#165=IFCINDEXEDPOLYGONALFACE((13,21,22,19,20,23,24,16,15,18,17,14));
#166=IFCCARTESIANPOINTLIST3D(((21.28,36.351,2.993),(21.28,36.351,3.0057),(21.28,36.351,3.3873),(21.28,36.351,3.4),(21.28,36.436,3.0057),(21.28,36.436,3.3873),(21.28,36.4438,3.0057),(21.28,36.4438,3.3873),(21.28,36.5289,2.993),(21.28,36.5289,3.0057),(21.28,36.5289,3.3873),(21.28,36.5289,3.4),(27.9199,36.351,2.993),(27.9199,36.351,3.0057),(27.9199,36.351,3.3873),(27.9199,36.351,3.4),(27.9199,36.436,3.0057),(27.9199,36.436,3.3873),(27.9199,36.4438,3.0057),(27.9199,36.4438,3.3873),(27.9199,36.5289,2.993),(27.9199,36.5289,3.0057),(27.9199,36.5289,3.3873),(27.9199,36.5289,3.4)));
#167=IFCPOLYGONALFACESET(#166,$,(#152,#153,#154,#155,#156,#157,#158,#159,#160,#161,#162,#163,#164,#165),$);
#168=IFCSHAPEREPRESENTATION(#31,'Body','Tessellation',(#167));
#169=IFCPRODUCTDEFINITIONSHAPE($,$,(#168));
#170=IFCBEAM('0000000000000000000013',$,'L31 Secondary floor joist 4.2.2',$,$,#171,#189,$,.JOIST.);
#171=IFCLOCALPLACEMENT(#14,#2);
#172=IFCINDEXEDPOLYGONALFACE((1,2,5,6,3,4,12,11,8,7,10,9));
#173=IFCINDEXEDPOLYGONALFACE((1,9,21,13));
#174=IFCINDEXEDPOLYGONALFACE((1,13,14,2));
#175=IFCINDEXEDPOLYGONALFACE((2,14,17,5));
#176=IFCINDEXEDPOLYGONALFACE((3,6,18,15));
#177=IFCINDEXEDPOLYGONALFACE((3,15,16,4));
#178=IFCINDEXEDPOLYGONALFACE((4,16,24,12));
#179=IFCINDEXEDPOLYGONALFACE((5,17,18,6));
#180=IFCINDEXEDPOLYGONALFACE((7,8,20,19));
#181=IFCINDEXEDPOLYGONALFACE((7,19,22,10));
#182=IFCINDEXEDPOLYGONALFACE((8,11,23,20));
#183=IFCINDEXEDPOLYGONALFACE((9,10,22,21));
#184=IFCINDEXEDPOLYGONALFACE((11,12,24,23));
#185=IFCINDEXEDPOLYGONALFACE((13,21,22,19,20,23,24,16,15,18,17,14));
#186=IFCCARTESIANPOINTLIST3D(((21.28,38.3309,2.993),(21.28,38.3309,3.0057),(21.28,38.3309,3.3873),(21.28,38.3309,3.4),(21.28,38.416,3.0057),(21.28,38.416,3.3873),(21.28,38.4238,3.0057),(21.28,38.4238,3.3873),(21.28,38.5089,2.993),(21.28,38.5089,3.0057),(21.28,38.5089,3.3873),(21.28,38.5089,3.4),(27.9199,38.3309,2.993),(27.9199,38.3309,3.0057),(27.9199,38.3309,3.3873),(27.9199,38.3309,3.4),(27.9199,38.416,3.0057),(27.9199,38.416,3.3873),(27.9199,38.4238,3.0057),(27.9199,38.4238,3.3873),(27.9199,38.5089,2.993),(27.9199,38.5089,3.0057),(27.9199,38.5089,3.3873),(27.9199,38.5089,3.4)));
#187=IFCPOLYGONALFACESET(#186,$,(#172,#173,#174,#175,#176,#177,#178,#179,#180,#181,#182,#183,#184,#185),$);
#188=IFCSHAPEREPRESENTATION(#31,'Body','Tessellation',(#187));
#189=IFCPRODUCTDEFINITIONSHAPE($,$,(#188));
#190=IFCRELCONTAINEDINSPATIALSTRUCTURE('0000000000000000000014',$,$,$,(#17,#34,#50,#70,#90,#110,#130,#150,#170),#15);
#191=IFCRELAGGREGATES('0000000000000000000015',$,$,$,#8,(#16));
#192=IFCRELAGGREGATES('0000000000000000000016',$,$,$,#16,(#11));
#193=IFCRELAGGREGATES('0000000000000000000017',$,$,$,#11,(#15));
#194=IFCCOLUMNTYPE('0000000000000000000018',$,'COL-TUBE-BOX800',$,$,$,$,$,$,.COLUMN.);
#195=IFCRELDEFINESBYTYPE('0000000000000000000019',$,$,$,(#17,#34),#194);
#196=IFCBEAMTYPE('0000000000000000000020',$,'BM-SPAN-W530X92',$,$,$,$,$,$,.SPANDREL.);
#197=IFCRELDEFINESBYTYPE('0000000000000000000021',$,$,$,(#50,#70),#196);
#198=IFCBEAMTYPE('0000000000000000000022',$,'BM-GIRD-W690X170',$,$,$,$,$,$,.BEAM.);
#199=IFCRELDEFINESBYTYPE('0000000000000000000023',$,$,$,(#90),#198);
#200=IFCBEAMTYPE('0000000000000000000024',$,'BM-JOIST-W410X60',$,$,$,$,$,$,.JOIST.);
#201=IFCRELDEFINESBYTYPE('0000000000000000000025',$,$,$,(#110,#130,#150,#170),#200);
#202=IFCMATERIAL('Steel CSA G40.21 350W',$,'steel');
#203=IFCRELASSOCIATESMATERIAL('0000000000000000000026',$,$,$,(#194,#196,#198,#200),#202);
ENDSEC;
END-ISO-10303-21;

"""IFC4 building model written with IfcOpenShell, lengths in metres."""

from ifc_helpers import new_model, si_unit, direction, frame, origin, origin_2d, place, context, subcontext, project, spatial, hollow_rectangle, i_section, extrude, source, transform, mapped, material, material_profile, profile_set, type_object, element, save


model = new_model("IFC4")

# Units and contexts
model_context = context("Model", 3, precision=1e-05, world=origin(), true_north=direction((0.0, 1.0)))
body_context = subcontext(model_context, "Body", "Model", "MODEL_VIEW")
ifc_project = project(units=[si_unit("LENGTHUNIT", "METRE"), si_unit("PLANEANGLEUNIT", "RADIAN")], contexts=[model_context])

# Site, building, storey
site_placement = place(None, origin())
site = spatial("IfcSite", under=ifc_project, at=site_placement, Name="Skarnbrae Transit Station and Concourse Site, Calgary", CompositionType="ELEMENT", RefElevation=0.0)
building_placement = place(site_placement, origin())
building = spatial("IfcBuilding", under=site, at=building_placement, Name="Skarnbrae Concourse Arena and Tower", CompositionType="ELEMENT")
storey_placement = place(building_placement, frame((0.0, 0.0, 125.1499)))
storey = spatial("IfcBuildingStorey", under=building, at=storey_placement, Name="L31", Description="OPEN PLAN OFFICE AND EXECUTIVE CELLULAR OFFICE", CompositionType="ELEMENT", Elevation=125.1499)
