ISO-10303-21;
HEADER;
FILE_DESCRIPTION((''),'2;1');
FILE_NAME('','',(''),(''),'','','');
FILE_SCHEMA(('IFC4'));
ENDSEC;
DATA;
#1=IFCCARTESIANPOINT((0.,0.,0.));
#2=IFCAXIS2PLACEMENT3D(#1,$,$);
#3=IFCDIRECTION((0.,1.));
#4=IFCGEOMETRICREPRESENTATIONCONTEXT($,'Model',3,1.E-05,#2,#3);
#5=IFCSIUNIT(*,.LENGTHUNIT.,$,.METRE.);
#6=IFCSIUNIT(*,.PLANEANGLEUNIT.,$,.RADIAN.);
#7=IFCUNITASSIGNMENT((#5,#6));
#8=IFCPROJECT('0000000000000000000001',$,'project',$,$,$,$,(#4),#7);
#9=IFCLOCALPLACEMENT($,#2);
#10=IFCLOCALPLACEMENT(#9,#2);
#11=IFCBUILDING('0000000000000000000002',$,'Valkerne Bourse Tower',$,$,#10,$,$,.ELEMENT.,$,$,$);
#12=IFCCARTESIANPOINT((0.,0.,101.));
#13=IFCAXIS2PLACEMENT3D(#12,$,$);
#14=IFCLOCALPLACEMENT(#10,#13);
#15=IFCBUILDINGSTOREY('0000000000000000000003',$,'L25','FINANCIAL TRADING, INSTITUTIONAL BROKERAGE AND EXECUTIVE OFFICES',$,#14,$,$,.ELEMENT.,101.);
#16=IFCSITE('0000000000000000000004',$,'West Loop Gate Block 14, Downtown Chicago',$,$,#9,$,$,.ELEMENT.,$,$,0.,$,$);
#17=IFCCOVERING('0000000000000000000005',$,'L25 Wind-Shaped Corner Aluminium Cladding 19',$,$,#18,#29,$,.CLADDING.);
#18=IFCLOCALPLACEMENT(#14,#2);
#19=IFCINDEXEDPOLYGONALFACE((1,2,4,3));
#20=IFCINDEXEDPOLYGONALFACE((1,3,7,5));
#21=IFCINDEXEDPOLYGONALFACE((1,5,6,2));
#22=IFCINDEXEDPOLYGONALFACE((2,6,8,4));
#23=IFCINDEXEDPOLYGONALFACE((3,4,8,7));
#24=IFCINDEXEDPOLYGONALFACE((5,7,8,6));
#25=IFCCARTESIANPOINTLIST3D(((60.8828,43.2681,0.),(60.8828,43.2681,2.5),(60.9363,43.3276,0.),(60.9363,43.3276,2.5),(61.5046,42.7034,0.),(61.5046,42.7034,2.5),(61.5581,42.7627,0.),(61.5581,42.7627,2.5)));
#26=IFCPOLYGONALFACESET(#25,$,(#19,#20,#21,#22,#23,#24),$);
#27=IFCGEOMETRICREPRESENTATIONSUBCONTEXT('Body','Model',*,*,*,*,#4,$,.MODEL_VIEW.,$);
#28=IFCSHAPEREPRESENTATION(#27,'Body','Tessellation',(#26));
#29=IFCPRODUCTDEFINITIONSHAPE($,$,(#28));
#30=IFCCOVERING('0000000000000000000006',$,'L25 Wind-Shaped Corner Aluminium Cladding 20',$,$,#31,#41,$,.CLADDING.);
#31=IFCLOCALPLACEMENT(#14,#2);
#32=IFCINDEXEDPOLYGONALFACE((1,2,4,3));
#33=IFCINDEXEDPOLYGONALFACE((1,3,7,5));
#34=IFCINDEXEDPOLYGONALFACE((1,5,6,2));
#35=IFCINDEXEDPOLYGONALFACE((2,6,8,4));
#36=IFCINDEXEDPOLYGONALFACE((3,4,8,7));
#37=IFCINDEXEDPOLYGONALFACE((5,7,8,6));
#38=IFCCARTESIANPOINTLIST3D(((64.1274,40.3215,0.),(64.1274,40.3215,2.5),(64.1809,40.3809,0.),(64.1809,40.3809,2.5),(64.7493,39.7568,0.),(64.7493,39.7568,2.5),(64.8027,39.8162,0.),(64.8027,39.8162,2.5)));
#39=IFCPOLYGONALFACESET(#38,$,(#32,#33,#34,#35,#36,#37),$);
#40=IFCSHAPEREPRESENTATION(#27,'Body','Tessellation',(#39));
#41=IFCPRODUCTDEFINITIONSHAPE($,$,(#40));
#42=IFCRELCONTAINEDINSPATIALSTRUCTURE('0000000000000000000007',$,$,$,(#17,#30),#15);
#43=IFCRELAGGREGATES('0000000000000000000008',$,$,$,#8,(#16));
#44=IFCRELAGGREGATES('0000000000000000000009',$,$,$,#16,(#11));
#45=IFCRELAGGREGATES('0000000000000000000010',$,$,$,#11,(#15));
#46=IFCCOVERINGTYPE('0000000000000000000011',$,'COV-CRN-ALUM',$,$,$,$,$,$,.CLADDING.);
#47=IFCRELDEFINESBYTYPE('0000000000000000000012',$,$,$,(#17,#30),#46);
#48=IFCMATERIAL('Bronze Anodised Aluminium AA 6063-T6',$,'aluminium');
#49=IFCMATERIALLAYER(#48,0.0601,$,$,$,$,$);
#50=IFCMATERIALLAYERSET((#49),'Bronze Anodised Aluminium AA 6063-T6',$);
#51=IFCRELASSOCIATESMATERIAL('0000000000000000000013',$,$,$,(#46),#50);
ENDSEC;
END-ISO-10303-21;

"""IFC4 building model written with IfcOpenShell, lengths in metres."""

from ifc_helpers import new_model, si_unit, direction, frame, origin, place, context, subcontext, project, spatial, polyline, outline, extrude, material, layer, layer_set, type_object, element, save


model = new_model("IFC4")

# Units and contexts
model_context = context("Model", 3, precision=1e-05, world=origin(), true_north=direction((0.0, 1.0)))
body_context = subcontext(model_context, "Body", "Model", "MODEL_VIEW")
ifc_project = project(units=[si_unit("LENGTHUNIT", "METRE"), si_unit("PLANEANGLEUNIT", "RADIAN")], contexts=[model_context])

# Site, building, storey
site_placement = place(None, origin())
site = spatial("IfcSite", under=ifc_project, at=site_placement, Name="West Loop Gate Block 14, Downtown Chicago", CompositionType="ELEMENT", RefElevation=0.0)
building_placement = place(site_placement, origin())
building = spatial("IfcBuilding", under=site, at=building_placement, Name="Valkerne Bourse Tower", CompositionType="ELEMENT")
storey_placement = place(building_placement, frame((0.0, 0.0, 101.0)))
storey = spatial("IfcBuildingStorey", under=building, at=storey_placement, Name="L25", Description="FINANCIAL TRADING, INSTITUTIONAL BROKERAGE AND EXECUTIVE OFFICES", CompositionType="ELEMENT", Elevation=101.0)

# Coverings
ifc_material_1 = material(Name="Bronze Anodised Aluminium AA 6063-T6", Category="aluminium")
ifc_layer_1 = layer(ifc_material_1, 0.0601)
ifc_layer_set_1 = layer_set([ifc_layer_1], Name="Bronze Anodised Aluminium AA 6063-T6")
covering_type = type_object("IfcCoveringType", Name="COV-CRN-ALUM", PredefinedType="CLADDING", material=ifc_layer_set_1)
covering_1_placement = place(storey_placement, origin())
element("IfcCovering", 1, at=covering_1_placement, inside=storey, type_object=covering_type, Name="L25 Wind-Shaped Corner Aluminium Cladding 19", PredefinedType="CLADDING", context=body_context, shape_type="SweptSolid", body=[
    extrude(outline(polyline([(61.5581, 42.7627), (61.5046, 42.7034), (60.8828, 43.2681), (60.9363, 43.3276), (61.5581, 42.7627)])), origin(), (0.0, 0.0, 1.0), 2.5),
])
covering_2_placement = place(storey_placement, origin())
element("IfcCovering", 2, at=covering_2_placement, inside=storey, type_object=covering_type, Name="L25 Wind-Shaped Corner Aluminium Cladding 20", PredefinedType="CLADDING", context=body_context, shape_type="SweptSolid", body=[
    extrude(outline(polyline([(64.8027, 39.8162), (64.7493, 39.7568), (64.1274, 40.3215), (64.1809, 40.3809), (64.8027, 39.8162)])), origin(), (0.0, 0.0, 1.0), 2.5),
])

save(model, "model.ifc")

> **ABOUT THIS TASK**:
Each line in the data that holds the word "JOIST" must be copied.

> **ANSWER SPACE**:
#170=IFCBEAM('0000000000000000000013',$,'L31 Secondary floor joist 4.2.2',$,$,#171,#189,$,.JOIST.);
#200=IFCBEAMTYPE('0000000000000000000024',$,'BM-JOIST-W410X60',$,$,$,$,$,$,.JOIST.);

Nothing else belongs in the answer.